- [Task goal]
When you reach the entries below, transcribe each one exactly as it stands.

╭─ The records

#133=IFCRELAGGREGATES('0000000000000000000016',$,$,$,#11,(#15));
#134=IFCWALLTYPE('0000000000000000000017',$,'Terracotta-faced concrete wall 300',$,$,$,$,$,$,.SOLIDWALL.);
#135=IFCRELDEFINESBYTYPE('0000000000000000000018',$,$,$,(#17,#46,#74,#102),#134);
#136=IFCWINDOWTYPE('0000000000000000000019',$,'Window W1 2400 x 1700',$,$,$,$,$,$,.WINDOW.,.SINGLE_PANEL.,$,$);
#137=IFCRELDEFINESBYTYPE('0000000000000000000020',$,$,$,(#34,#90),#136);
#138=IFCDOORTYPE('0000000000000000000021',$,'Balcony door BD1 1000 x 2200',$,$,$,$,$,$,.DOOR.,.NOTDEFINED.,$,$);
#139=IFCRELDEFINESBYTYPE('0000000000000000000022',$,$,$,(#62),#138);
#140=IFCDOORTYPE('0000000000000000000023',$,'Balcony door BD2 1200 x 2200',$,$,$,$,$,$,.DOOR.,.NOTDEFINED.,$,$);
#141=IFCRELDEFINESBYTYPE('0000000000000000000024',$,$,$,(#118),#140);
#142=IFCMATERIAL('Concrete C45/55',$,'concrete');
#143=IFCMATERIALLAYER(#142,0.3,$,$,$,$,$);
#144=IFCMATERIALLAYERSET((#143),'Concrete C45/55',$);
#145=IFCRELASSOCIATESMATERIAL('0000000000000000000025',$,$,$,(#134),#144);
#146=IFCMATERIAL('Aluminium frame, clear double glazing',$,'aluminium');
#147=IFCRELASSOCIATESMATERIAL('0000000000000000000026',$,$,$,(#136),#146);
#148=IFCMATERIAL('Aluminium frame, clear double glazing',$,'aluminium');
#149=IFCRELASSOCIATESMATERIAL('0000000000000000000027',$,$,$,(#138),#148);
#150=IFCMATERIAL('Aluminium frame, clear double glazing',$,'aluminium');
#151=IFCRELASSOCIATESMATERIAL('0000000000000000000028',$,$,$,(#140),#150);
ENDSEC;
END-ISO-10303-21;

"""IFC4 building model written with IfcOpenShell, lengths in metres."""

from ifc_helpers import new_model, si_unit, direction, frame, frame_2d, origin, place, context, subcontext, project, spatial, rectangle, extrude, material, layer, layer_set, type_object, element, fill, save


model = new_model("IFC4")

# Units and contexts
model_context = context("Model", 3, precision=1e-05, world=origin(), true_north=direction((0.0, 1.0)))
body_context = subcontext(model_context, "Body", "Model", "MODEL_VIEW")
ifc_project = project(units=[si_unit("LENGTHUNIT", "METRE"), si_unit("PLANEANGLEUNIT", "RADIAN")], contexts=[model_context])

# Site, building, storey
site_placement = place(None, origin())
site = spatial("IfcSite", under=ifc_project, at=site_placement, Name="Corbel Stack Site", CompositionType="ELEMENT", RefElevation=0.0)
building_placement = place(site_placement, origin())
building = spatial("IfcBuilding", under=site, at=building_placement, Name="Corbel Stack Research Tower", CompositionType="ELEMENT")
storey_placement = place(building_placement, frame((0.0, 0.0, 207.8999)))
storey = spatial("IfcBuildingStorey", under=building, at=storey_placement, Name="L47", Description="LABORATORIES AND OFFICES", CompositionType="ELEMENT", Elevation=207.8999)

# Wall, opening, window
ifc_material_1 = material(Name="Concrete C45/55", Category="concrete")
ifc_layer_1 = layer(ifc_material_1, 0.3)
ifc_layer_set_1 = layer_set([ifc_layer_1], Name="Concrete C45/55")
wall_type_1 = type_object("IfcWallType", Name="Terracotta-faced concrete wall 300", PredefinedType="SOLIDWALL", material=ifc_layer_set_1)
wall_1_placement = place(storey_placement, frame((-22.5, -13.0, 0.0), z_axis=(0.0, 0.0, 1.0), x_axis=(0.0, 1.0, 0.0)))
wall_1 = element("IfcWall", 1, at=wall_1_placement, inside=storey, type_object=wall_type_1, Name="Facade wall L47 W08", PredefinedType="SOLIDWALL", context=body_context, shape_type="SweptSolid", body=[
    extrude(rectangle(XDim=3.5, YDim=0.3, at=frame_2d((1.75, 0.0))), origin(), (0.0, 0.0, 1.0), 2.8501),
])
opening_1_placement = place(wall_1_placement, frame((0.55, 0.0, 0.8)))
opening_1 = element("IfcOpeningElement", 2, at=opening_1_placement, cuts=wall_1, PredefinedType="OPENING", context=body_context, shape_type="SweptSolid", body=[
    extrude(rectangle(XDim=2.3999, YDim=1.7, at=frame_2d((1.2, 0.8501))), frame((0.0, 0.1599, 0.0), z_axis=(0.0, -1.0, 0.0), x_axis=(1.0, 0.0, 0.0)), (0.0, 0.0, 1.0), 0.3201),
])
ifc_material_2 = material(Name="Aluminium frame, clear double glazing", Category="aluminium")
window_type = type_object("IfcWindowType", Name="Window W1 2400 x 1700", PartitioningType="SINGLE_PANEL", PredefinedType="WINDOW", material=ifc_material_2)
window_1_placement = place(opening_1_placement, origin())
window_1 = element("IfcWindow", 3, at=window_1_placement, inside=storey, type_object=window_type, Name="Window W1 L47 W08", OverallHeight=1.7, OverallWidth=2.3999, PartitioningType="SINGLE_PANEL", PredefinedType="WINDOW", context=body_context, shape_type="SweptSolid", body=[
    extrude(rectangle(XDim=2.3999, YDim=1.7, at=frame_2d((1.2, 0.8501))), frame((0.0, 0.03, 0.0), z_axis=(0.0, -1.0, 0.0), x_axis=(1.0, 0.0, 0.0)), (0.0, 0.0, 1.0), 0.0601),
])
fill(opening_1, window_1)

╰─

- [Output for this exercise]
#133=IFCRELAGGREGATES('0000000000000000000016',$,$,$,#11,(#15));
#134=IFCWALLTYPE('0000000000000000000017',$,'Terracotta-faced concrete wall 300',$,$,$,$,$,$,.SOLIDWALL.);
#135=IFCRELDEFINESBYTYPE('0000000000000000000018',$,$,$,(#17,#46,#74,#102),#134);
#136=IFCWINDOWTYPE('0000000000000000000019',$,'Window W1 2400 x 1700',$,$,$,$,$,$,.WINDOW.,.SINGLE_PANEL.,$,$);
#137=IFCRELDEFINESBYTYPE('0000000000000000000020',$,$,$,(#34,#90),#136);
#138=IFCDOORTYPE('0000000000000000000021',$,'Balcony door BD1 1000 x 2200',$,$,$,$,$,$,.DOOR.,.NOTDEFINED.,$,$);
#139=IFCRELDEFINESBYTYPE('0000000000000000000022',$,$,$,(#62),#138);
#140=IFCDOORTYPE('0000000000000000000023',$,'Balcony door BD2 1200 x 2200',$,$,$,$,$,$,.DOOR.,.NOTDEFINED.,$,$);
#141=IFCRELDEFINESBYTYPE('0000000000000000000024',$,$,$,(#118),#140);
#142=IFCMATERIAL('Concrete C45/55',$,'concrete');
#143=IFCMATERIALLAYER(#142,0.3,$,$,$,$,$);
#144=IFCMATERIALLAYERSET((#143),'Concrete C45/55',$);
#145=IFCRELASSOCIATESMATERIAL('0000000000000000000025',$,$,$,(#134),#144);
#146=IFCMATERIAL('Aluminium frame, clear double glazing',$,'aluminium');
#147=IFCRELASSOCIATESMATERIAL('0000000000000000000026',$,$,$,(#136),#146);
#148=IFCMATERIAL('Aluminium frame, clear double glazing',$,'aluminium');
#149=IFCRELASSOCIATESMATERIAL('0000000000000000000027',$,$,$,(#138),#148);
#150=IFCMATERIAL('Aluminium frame, clear double glazing',$,'aluminium');
#151=IFCRELASSOCIATESMATERIAL('0000000000000000000028',$,$,$,(#140),#150);
ENDSEC;
END-ISO-10303-21;

"""IFC4 building model written with IfcOpenShell, lengths in metres."""

from ifc_helpers import new_model, si_unit, direction, frame, frame_2d, origin, place, context, subcontext, project, spatial, rectangle, extrude, material, layer, layer_set, type_object, element, fill, save


model = new_model("IFC4")

# Units and contexts
model_context = context("Model", 3, precision=1e-05, world=origin(), true_north=direction((0.0, 1.0)))
body_context = subcontext(model_context, "Body", "Model", "MODEL_VIEW")
ifc_project = project(units=[si_unit("LENGTHUNIT", "METRE"), si_unit("PLANEANGLEUNIT", "RADIAN")], contexts=[model_context])

# Site, building, storey
site_placement = place(None, origin())
site = spatial("IfcSite", under=ifc_project, at=site_placement, Name="Corbel Stack Site", CompositionType="ELEMENT", RefElevation=0.0)
building_placement = place(site_placement, origin())
building = spatial("IfcBuilding", under=site, at=building_placement, Name="Corbel Stack Research Tower", CompositionType="ELEMENT")
storey_placement = place(building_placement, frame((0.0, 0.0, 207.8999)))
storey = spatial("IfcBuildingStorey", under=building, at=storey_placement, Name="L47", Description="LABORATORIES AND OFFICES", CompositionType="ELEMENT", Elevation=207.8999)

# Wall, opening, window
ifc_material_1 = material(Name="Concrete C45/55", Category="concrete")
ifc_layer_1 = layer(ifc_material_1, 0.3)
ifc_layer_set_1 = layer_set([ifc_layer_1], Name="Concrete C45/55")
wall_type_1 = type_object("IfcWallType", Name="Terracotta-faced concrete wall 300", PredefinedType="SOLIDWALL", material=ifc_layer_set_1)
wall_1_placement = place(storey_placement, frame((-22.5, -13.0, 0.0), z_axis=(0.0, 0.0, 1.0), x_axis=(0.0, 1.0, 0.0)))
wall_1 = element("IfcWall", 1, at=wall_1_placement, inside=storey, type_object=wall_type_1, Name="Facade wall L47 W08", PredefinedType="SOLIDWALL", context=body_context, shape_type="SweptSolid", body=[
    extrude(rectangle(XDim=3.5, YDim=0.3, at=frame_2d((1.75, 0.0))), origin(), (0.0, 0.0, 1.0), 2.8501),
])
opening_1_placement = place(wall_1_placement, frame((0.55, 0.0, 0.8)))
opening_1 = element("IfcOpeningElement", 2, at=opening_1_placement, cuts=wall_1, PredefinedType="OPENING", context=body_context, shape_type="SweptSolid", body=[
    extrude(rectangle(XDim=2.3999, YDim=1.7, at=frame_2d((1.2, 0.8501))), frame((0.0, 0.1599, 0.0), z_axis=(0.0, -1.0, 0.0), x_axis=(1.0, 0.0, 0.0)), (0.0, 0.0, 1.0), 0.3201),
])
ifc_material_2 = material(Name="Aluminium frame, clear double glazing", Category="aluminium")
window_type = type_object("IfcWindowType", Name="Window W1 2400 x 1700", PartitioningType="SINGLE_PANEL", PredefinedType="WINDOW", material=ifc_material_2)
window_1_placement = place(opening_1_placement, origin())
window_1 = element("IfcWindow", 3, at=window_1_placement, inside=storey, type_object=window_type, Name="Window W1 L47 W08", OverallHeight=1.7, OverallWidth=2.3999, PartitioningType="SINGLE_PANEL", PredefinedType="WINDOW", context=body_context, shape_type="SweptSolid", body=[
    extrude(rectangle(XDim=2.3999, YDim=1.7, at=frame_2d((1.2, 0.8501))), frame((0.0, 0.03, 0.0), z_axis=(0.0, -1.0, 0.0), x_axis=(1.0, 0.0, 0.0)), (0.0, 0.0, 1.0), 0.0601),
])
fill(opening_1, window_1)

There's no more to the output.